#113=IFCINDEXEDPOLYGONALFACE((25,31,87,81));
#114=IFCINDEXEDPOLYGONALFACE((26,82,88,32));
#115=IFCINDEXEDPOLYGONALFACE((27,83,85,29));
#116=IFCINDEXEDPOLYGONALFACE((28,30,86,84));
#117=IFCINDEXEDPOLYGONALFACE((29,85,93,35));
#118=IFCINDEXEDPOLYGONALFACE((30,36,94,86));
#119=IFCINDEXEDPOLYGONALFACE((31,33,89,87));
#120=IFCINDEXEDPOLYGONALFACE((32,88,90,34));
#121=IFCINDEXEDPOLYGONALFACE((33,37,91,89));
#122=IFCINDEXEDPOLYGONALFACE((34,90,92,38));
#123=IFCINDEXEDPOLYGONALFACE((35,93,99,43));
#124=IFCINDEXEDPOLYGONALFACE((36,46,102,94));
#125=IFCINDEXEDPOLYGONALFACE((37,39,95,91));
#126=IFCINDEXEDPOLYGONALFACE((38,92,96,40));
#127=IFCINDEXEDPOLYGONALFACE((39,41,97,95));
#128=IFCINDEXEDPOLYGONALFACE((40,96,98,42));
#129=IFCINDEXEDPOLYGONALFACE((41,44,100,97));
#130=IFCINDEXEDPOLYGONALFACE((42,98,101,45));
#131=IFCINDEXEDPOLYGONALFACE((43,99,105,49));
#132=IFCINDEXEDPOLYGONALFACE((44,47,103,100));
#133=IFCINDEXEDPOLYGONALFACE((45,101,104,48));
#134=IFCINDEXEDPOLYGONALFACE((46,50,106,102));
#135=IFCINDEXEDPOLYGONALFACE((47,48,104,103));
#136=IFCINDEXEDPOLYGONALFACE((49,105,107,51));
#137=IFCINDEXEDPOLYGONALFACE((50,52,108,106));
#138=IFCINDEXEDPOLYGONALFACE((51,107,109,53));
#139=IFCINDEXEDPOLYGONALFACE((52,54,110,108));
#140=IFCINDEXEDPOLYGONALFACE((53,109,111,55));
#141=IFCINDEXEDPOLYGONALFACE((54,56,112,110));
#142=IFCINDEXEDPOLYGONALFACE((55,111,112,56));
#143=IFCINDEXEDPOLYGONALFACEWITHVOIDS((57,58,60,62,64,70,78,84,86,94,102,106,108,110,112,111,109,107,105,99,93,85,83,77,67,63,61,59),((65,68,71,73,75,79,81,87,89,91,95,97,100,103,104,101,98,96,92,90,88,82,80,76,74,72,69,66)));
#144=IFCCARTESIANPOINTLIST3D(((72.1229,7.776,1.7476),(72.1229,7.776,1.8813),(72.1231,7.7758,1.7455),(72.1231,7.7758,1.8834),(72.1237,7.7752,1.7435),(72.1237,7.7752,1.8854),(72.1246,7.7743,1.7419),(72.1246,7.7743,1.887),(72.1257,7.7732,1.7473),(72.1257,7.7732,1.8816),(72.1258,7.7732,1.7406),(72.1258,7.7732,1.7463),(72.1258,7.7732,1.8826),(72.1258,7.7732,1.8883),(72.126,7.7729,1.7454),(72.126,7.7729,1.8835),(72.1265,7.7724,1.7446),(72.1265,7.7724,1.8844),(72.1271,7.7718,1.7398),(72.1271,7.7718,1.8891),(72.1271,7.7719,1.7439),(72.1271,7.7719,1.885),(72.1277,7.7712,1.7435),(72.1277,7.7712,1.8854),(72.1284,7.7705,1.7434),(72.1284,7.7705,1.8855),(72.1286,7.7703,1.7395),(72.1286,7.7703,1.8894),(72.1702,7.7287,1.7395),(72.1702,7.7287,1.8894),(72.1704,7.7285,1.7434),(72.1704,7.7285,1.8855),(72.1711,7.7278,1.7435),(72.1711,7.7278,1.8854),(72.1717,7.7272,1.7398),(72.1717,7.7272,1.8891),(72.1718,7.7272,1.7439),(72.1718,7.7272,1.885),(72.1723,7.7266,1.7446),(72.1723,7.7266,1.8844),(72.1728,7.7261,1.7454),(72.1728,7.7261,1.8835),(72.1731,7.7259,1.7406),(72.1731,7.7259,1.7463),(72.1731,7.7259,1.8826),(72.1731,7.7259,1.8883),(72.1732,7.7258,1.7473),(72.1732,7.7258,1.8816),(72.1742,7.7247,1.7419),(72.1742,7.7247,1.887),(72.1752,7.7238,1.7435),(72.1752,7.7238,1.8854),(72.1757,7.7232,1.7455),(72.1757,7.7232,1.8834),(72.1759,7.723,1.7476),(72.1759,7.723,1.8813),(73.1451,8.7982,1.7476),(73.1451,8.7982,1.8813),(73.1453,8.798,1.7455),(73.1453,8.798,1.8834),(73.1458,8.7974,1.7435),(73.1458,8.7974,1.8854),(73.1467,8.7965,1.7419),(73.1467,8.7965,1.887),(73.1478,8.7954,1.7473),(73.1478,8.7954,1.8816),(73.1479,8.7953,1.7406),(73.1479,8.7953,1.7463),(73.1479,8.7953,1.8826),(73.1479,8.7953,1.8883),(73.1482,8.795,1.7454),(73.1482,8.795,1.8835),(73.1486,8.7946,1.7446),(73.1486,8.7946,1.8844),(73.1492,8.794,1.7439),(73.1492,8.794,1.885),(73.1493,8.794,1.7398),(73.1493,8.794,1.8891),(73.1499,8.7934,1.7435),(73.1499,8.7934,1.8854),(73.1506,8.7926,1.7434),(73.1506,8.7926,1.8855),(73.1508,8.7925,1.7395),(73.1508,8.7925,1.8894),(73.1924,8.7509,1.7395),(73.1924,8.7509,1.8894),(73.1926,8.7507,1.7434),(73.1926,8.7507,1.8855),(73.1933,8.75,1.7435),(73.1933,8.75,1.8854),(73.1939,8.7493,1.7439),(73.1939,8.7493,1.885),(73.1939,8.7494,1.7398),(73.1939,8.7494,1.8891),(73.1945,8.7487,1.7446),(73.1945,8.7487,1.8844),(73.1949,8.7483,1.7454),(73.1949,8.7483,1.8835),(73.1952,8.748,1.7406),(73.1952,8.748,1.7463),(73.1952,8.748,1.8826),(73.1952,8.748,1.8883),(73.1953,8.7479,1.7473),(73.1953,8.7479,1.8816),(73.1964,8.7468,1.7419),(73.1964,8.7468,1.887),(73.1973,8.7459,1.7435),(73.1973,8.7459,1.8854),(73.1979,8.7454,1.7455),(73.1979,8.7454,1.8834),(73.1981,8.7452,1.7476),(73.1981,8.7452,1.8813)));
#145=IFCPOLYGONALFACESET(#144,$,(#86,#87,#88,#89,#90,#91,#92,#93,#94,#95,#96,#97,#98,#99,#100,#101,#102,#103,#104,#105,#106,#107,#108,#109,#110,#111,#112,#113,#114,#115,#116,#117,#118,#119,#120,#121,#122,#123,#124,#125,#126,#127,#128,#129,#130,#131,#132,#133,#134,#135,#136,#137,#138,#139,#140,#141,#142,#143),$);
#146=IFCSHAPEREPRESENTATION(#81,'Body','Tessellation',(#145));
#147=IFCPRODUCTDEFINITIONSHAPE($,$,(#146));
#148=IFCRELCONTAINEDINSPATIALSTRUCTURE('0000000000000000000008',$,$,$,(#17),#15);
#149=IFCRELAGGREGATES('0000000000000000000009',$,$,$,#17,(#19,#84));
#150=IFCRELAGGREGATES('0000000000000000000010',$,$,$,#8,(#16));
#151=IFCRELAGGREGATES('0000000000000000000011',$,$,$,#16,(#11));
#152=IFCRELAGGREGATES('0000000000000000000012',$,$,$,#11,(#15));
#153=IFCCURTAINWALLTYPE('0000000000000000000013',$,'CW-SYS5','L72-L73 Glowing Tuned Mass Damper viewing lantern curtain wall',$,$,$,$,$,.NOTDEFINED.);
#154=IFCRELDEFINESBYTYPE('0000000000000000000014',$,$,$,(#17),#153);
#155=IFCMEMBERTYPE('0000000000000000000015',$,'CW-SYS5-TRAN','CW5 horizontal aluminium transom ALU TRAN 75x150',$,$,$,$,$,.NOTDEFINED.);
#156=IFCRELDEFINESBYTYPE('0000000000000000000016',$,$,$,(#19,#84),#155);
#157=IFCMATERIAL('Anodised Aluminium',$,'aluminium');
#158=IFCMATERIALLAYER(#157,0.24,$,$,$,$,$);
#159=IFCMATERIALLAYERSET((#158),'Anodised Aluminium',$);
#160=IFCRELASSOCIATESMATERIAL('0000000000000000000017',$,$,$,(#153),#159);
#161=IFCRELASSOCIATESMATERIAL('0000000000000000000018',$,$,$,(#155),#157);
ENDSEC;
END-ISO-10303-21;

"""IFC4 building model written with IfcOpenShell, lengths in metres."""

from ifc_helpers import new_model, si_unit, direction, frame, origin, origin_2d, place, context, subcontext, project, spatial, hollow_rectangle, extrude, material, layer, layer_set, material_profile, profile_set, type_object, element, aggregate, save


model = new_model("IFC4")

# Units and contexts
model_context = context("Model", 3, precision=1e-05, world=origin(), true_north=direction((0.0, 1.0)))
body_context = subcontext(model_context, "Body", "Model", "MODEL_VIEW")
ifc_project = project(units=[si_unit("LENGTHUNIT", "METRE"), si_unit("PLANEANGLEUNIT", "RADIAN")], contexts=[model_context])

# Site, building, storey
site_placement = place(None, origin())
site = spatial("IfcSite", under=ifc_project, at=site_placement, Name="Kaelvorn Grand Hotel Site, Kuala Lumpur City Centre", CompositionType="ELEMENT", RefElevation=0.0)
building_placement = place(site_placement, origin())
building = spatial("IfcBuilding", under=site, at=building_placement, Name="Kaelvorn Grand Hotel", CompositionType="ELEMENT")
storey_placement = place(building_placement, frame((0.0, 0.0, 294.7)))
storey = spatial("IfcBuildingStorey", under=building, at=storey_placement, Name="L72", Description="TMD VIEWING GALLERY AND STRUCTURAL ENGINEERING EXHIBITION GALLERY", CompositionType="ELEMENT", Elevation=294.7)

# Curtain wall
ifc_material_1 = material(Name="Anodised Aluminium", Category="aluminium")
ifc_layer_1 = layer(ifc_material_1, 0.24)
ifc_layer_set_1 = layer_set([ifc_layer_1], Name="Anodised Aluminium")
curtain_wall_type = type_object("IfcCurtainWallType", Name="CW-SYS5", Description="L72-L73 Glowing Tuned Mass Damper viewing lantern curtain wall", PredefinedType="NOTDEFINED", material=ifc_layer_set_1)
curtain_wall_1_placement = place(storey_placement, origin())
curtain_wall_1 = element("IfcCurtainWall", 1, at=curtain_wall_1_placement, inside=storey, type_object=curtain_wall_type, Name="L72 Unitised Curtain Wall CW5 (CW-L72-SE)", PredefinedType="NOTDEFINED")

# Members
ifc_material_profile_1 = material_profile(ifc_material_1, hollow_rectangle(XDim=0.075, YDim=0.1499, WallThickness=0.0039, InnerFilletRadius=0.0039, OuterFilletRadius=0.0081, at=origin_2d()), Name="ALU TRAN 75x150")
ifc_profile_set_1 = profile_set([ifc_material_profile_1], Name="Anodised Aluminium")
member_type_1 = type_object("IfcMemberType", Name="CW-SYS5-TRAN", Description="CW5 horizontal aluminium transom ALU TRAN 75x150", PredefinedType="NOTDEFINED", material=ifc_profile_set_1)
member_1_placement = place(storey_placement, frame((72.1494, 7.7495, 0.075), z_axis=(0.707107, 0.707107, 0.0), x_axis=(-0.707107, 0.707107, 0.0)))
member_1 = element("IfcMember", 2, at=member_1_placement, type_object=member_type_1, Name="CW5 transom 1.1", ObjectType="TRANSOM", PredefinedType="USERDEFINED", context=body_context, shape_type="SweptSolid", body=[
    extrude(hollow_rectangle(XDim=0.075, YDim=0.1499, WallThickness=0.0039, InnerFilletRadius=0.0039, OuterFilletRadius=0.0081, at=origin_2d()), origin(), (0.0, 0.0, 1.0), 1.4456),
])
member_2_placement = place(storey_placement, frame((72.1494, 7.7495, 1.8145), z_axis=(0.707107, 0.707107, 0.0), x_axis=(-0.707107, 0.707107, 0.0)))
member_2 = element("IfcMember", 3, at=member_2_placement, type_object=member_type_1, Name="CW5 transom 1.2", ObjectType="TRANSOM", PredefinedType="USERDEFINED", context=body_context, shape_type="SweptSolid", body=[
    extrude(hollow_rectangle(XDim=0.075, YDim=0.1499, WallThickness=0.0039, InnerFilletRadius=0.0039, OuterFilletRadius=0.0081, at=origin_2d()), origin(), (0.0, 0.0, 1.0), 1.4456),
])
______
> **What this task involves**
Copy out word for word each line of the listing, from the very first line down to the line containing "#128=IFCINDEXEDPOLYGONALFACE((40,96,98,42));", and stop after that line.

> **Worked solution**
#113=IFCINDEXEDPOLYGONALFACE((25,31,87,81));
#114=IFCINDEXEDPOLYGONALFACE((26,82,88,32));
#115=IFCINDEXEDPOLYGONALFACE((27,83,85,29));
#116=IFCINDEXEDPOLYGONALFACE((28,30,86,84));
#117=IFCINDEXEDPOLYGONALFACE((29,85,93,35));
#118=IFCINDEXEDPOLYGONALFACE((30,36,94,86));
#119=IFCINDEXEDPOLYGONALFACE((31,33,89,87));
#120=IFCINDEXEDPOLYGONALFACE((32,88,90,34));
#121=IFCINDEXEDPOLYGONALFACE((33,37,91,89));
#122=IFCINDEXEDPOLYGONALFACE((34,90,92,38));
#123=IFCINDEXEDPOLYGONALFACE((35,93,99,43));
#124=IFCINDEXEDPOLYGONALFACE((36,46,102,94));
#125=IFCINDEXEDPOLYGONALFACE((37,39,95,91));
#126=IFCINDEXEDPOLYGONALFACE((38,92,96,40));
#127=IFCINDEXEDPOLYGONALFACE((39,41,97,95));
#128=IFCINDEXEDPOLYGONALFACE((40,96,98,42));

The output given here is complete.